THE DATA:
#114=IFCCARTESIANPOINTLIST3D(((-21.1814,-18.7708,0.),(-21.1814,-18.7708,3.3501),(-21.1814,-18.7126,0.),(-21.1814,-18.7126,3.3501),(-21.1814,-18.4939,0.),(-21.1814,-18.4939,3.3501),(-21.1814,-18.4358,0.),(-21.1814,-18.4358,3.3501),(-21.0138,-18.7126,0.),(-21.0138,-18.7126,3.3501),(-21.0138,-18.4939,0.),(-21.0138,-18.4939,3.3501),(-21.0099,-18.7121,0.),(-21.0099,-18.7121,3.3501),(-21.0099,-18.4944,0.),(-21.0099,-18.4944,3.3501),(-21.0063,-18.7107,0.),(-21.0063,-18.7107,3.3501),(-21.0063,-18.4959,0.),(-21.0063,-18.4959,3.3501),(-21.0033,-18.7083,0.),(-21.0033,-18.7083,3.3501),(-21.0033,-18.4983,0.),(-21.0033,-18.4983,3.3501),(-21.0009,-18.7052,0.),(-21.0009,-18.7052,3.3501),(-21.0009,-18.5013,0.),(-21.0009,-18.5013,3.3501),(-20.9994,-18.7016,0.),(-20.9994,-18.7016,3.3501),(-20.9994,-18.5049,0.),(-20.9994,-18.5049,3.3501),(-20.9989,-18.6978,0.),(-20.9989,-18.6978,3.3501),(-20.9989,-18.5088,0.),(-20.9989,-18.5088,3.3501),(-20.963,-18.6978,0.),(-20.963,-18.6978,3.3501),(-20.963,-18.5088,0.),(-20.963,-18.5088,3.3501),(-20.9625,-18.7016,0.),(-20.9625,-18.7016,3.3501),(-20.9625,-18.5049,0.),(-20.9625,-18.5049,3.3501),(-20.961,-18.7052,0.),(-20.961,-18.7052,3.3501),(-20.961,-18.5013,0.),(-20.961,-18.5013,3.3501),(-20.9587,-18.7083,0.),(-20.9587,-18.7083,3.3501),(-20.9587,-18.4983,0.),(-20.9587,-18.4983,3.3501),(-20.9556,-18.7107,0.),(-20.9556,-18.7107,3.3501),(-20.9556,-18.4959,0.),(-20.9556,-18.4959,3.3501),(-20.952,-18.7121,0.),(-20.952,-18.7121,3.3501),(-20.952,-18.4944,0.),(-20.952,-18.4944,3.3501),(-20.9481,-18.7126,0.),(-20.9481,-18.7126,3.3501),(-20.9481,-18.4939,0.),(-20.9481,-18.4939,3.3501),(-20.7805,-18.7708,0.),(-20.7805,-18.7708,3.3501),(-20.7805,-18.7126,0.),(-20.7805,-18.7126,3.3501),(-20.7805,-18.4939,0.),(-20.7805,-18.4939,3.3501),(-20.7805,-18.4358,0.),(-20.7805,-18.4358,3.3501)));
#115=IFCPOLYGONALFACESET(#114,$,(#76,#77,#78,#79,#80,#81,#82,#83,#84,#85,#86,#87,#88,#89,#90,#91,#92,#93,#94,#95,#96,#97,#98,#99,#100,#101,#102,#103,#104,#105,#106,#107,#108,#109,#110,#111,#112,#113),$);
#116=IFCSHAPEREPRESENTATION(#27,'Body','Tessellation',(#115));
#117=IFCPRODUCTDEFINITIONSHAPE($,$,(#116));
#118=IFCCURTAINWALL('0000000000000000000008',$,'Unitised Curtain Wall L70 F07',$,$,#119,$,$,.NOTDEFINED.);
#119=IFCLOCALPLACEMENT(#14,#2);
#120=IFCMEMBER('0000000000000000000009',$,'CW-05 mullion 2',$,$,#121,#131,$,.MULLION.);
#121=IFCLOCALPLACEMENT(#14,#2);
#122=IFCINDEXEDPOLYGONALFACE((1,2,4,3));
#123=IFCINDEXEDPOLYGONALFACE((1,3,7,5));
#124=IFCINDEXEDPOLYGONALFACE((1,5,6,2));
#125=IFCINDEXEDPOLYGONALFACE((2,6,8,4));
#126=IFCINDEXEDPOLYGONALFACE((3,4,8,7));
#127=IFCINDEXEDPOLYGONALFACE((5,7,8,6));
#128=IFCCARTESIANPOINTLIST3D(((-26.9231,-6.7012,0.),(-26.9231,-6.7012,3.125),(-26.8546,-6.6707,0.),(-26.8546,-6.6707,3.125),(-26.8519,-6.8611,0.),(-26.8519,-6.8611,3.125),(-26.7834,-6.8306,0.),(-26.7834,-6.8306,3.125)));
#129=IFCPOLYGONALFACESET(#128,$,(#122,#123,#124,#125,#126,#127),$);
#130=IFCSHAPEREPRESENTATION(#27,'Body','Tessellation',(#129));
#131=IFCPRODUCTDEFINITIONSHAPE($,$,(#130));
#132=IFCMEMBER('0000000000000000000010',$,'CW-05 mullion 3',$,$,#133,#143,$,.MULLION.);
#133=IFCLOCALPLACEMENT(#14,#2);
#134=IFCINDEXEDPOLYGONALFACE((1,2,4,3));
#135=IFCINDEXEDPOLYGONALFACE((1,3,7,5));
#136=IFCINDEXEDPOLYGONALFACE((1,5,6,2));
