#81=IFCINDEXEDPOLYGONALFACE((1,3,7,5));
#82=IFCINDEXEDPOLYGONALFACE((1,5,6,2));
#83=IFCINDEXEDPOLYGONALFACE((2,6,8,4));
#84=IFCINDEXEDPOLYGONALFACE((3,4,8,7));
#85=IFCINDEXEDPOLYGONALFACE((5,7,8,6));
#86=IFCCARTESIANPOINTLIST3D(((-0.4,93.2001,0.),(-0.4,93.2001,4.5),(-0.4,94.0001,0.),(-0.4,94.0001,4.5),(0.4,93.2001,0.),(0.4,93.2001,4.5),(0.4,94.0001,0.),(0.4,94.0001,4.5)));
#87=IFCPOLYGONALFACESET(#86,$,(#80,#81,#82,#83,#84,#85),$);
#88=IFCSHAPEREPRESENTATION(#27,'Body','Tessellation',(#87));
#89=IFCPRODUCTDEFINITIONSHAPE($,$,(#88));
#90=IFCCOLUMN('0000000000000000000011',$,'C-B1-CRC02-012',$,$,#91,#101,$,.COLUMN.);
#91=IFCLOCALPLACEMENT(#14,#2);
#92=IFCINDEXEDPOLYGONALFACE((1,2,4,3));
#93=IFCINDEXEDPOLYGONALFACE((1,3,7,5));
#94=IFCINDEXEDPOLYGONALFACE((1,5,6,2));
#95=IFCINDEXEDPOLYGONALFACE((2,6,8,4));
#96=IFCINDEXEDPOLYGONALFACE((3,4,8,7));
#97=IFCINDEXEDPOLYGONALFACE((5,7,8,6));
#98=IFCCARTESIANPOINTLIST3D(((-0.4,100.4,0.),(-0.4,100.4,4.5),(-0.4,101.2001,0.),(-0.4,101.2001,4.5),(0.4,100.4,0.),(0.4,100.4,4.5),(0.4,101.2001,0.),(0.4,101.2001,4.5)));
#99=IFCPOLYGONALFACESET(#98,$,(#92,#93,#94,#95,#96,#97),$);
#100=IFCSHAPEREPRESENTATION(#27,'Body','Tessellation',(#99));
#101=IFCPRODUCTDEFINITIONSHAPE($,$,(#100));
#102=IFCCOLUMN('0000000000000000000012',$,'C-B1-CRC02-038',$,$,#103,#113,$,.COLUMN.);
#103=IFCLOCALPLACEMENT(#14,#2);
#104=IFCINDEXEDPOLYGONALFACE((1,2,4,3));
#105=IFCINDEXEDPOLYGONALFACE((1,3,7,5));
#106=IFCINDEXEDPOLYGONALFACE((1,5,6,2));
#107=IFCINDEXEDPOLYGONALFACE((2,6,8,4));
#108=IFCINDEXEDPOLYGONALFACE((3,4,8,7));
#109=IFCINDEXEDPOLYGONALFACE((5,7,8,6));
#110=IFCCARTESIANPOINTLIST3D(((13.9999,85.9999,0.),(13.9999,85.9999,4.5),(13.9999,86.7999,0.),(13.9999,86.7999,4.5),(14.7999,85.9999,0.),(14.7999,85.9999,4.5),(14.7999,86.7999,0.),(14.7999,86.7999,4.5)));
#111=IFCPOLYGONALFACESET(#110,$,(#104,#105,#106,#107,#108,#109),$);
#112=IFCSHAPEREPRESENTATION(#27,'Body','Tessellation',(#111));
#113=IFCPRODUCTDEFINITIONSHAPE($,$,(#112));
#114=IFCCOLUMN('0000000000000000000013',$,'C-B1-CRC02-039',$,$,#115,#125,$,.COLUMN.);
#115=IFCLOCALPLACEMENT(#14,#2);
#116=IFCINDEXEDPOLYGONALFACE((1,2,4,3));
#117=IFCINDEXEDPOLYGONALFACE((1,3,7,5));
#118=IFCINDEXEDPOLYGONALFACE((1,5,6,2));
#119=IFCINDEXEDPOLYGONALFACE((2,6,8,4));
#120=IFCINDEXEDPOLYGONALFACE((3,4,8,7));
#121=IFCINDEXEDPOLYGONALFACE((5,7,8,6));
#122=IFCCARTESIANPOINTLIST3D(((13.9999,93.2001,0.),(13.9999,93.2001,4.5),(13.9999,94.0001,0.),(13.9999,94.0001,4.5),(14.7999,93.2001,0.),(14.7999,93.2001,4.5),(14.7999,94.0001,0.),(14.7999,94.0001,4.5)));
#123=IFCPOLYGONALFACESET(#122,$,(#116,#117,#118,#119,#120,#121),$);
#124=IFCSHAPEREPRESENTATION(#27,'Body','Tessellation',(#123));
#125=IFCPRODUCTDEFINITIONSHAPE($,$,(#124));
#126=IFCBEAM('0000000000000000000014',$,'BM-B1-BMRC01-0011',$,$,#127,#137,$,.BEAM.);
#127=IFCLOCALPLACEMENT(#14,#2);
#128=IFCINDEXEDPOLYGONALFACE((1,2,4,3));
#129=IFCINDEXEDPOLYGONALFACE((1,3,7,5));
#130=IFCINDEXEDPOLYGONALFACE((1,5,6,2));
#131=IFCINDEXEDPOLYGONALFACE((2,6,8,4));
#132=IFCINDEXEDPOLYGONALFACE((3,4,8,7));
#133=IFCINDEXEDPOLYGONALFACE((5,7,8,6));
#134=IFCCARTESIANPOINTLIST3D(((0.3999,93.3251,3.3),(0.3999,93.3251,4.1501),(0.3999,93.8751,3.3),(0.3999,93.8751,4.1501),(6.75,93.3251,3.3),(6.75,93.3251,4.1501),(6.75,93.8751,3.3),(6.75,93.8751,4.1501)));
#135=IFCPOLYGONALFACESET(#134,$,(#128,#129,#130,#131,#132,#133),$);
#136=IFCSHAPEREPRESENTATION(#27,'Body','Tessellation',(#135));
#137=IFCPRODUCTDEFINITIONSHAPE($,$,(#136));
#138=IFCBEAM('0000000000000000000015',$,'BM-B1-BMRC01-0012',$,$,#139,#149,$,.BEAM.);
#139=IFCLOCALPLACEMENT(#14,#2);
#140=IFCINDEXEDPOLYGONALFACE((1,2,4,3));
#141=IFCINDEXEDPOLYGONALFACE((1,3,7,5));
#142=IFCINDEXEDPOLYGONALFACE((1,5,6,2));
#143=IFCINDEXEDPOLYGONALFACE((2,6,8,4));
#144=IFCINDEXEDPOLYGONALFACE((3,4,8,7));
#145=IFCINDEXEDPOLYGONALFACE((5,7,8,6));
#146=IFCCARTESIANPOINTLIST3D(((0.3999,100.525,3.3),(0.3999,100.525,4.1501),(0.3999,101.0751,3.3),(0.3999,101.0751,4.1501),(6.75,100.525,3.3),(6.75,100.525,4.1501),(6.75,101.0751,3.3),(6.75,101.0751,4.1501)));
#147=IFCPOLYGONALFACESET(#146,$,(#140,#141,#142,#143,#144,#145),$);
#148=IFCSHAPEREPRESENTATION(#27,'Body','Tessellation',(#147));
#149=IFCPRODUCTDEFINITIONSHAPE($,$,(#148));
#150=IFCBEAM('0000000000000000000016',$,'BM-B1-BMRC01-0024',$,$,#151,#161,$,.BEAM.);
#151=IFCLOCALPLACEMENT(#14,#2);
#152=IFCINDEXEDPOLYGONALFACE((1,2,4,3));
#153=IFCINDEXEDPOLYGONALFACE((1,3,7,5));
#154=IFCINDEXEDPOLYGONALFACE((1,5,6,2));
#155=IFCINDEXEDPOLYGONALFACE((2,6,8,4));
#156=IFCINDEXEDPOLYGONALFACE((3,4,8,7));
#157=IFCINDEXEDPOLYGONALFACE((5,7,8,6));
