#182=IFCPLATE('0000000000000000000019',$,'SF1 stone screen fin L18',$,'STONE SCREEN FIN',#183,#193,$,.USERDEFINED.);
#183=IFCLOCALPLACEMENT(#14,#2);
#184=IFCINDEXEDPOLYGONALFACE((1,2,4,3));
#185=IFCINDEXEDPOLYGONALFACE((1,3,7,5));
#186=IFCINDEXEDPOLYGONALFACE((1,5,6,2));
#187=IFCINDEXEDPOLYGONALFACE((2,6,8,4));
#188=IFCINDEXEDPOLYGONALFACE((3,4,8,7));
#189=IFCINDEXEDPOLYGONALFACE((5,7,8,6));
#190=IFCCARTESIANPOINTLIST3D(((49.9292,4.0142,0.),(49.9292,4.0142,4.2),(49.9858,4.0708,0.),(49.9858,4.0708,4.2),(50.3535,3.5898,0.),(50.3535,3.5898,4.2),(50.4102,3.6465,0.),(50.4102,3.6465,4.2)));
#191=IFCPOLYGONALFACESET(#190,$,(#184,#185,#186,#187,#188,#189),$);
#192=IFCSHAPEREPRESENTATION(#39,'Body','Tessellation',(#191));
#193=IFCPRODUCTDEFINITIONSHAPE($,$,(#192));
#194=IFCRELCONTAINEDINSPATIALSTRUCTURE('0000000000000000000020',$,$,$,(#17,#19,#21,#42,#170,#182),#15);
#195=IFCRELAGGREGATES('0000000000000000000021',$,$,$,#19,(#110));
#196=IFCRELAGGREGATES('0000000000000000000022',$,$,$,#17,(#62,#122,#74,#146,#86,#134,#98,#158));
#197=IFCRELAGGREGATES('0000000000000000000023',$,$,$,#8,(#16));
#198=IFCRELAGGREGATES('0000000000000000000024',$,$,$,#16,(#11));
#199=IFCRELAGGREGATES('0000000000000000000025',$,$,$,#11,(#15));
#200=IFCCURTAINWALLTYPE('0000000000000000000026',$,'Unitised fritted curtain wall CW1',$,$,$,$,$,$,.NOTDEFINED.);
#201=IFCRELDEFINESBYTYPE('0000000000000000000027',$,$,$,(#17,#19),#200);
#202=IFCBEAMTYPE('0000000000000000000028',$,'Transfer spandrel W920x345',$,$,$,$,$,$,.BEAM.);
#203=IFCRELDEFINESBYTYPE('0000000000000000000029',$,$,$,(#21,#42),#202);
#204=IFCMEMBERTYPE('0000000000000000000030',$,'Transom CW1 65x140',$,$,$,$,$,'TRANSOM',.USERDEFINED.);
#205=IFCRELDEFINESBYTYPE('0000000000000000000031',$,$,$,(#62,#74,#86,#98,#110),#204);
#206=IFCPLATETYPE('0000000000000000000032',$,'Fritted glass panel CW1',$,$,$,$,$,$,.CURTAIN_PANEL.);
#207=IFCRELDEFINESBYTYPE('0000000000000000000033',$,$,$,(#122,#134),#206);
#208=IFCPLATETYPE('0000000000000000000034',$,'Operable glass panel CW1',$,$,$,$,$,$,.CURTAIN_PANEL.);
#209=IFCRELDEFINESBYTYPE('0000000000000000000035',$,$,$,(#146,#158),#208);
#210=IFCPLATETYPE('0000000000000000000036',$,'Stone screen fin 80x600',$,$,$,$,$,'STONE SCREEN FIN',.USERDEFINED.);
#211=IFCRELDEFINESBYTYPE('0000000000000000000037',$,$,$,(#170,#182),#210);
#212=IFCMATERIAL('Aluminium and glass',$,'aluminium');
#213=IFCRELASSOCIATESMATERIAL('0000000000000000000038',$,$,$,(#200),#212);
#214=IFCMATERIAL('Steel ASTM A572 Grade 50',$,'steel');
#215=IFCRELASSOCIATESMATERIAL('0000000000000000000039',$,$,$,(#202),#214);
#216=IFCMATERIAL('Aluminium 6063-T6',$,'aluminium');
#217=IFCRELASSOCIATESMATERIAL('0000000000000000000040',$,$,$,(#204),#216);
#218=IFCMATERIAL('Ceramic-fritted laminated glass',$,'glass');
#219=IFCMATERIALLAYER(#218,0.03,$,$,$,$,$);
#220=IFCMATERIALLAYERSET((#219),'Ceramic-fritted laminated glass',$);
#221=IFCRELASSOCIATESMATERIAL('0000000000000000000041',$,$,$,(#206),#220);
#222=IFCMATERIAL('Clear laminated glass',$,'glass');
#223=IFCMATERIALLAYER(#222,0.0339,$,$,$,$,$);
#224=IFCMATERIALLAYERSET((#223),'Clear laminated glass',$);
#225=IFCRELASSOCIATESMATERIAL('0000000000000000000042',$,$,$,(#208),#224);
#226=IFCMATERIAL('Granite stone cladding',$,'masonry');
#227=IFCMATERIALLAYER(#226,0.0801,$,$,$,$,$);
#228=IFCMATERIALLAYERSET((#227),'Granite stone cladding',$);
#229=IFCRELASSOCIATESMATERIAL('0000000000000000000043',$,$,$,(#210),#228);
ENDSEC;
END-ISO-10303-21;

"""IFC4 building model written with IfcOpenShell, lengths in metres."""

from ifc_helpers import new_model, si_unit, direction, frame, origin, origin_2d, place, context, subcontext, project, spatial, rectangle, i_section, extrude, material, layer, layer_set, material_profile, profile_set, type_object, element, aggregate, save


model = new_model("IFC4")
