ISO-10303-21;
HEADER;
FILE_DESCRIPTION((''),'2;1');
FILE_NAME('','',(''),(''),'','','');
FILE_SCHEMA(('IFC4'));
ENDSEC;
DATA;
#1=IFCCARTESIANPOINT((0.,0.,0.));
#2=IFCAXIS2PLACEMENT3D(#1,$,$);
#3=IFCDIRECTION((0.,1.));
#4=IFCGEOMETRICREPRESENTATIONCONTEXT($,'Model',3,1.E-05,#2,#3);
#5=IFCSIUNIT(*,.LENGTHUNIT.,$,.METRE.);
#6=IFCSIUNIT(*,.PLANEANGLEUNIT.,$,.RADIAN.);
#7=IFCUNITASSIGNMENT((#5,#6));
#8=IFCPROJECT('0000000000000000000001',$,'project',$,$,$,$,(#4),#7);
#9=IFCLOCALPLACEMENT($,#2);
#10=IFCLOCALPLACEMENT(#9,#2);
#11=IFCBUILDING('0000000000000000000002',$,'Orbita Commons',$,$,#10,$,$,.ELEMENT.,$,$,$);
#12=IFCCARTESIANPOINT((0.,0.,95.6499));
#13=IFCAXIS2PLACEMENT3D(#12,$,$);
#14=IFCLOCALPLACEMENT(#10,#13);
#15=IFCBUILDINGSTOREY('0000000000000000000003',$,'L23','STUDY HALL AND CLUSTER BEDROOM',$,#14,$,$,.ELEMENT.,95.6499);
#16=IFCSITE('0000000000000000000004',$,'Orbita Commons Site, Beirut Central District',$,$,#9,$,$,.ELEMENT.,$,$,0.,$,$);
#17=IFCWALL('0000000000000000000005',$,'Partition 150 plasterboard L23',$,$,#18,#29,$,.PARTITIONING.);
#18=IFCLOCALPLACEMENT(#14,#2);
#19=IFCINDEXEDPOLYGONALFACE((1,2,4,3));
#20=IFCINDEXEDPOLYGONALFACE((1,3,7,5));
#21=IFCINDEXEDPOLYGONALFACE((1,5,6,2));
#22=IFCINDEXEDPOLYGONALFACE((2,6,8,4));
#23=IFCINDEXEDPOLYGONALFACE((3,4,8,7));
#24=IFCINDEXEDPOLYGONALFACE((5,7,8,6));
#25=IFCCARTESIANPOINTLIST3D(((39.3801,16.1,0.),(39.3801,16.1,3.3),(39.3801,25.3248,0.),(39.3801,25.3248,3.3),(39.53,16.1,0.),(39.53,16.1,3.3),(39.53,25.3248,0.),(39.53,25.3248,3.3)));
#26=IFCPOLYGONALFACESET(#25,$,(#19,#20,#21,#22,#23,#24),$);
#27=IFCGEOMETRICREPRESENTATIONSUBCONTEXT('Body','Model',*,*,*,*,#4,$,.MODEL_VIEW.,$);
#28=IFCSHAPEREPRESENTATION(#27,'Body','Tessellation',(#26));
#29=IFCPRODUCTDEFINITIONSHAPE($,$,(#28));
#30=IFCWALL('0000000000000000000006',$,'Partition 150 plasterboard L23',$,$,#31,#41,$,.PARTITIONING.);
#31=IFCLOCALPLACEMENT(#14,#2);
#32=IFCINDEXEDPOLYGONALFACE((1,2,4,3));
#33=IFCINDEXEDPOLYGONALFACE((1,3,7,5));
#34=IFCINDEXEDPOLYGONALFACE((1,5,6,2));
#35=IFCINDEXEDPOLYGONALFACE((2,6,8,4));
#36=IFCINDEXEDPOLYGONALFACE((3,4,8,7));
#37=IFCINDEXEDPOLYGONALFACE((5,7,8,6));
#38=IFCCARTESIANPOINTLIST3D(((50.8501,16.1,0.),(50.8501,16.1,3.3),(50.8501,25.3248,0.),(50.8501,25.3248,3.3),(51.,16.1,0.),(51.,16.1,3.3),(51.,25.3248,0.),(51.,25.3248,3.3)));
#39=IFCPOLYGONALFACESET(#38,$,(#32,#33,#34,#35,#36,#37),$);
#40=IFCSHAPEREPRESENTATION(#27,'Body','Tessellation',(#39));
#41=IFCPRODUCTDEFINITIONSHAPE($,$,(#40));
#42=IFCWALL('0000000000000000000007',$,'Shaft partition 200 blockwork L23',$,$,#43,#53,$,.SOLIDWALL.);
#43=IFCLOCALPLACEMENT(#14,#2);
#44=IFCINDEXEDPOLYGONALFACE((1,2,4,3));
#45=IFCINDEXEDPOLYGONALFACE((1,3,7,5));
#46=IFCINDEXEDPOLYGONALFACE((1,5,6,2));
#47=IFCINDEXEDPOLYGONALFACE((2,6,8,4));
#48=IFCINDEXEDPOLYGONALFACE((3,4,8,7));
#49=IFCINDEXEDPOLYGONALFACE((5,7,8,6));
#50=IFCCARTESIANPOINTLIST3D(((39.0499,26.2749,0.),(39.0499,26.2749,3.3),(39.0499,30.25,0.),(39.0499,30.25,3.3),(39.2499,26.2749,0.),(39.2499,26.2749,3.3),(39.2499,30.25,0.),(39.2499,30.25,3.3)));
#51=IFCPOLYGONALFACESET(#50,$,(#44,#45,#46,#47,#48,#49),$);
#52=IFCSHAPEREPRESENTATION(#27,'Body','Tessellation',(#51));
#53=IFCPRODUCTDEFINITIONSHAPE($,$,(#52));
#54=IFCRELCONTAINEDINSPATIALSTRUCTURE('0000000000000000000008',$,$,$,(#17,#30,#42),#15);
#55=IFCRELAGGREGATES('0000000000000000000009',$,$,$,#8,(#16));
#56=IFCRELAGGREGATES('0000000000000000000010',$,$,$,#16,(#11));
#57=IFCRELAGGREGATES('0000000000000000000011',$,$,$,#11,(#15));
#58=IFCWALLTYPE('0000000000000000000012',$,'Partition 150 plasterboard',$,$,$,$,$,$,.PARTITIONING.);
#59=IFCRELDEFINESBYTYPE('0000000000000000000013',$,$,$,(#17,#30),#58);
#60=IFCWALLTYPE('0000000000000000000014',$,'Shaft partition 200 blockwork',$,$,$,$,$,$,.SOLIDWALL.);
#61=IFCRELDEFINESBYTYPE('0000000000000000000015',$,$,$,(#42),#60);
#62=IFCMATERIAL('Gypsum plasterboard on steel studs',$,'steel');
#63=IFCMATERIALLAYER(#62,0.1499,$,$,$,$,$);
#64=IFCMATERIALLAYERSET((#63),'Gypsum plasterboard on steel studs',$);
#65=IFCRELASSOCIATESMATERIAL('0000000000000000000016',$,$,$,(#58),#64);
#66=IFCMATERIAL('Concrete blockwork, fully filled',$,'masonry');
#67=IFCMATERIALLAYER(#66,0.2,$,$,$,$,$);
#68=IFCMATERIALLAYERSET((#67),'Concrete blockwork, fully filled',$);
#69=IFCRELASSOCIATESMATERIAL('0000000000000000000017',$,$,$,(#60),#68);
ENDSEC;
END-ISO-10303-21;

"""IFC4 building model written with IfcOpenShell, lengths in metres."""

from ifc_helpers import new_model, si_unit, direction, frame, frame_2d, origin, place, context, subcontext, project, spatial, rectangle, extrude, material, layer, layer_set, type_object, element, save


model = new_model("IFC4")

# Units and contexts
model_context = context("Model", 3, precision=1e-05, world=origin(), true_north=direction((0.0, 1.0)))
body_context = subcontext(model_context, "Body", "Model", "MODEL_VIEW")
ifc_project = project(units=[si_unit("LENGTHUNIT", "METRE"), si_unit("PLANEANGLEUNIT", "RADIAN")], contexts=[model_context])

# Site, building, storey
site_placement = place(None, origin())
site = spatial("IfcSite", under=ifc_project, at=site_placement, Name="Orbita Commons Site, Beirut Central District", CompositionType="ELEMENT", RefElevation=0.0)
building_placement = place(site_placement, origin())
building = spatial("IfcBuilding", under=site, at=building_placement, Name="Orbita Commons", CompositionType="ELEMENT")
storey_placement = place(building_placement, frame((0.0, 0.0, 95.6499)))
storey = spatial("IfcBuildingStorey", under=building, at=storey_placement, Name="L23", Description="STUDY HALL AND CLUSTER BEDROOM", CompositionType="ELEMENT", Elevation=95.6499)

# Walls
ifc_material_1 = material(Name="Gypsum plasterboard on steel studs", Category="steel")
ifc_layer_1 = layer(ifc_material_1, 0.1499)
ifc_layer_set_1 = layer_set([ifc_layer_1], Name="Gypsum plasterboard on steel studs")
wall_type_1 = type_object("IfcWallType", Name="Partition 150 plasterboard", PredefinedType="PARTITIONING", material=ifc_layer_set_1)
for number, where, z_axis, x_axis, name in (
    (1, (39.4551, 16.1001, 0.0), (0.0, 0.0, 1.0), (0.0, 1.0, 0.0), "Partition 150 plasterboard L23"),
    (2, (50.925, 16.1001, 0.0), (0.0, 0.0, 1.0), (0.0, 1.0, 0.0), "Partition 150 plasterboard L23"),
):
    element("IfcWall", number, at=place(storey_placement, frame(where, z_axis=z_axis, x_axis=x_axis)), inside=storey, type_object=wall_type_1, Name=name, PredefinedType="PARTITIONING", context=body_context, shape_type="SweptSolid", body=[
        extrude(rectangle(XDim=9.2249, YDim=0.1499, at=frame_2d((4.6123, 0.0))), origin(), (0.0, 0.0, 1.0), 3.3),
    ])
ifc_material_2 = material(Name="Concrete blockwork, fully filled", Category="masonry")
ifc_layer_2 = layer(ifc_material_2, 0.2)
ifc_layer_set_2 = layer_set([ifc_layer_2], Name="Concrete blockwork, fully filled")
wall_type_2 = type_object("IfcWallType", Name="Shaft partition 200 blockwork", PredefinedType="SOLIDWALL", material=ifc_layer_set_2)
wall_1_placement = place(storey_placement, frame((39.1499, 26.2749, 0.0), z_axis=(0.0, 0.0, 1.0), x_axis=(0.0, 1.0, 0.0)))
element("IfcWall", 3, at=wall_1_placement, inside=storey, type_object=wall_type_2, Name="Shaft partition 200 blockwork L23", PredefinedType="SOLIDWALL", context=body_context, shape_type="SweptSolid", body=[
    extrude(rectangle(XDim=3.9751, YDim=0.2, at=frame_2d((1.9875, 0.0))), origin(), (0.0, 0.0, 1.0), 3.3),
])

save(model, "model.ifc")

WHAT TO WORK ON: What lines in the data above contain the word "NOTDEFINED"? Copy them all.

TASK ANSWER:
#118=IFCCURTAINWALL('0000000000000000000008',$,'Unitised Curtain Wall L70 F07',$,$,#119,$,$,.NOTDEFINED.);
#200=IFCCURTAINWALLTYPE('0000000000000000000026',$,'Unitised fritted curtain wall CW1',$,$,$,$,$,$,.NOTDEFINED.);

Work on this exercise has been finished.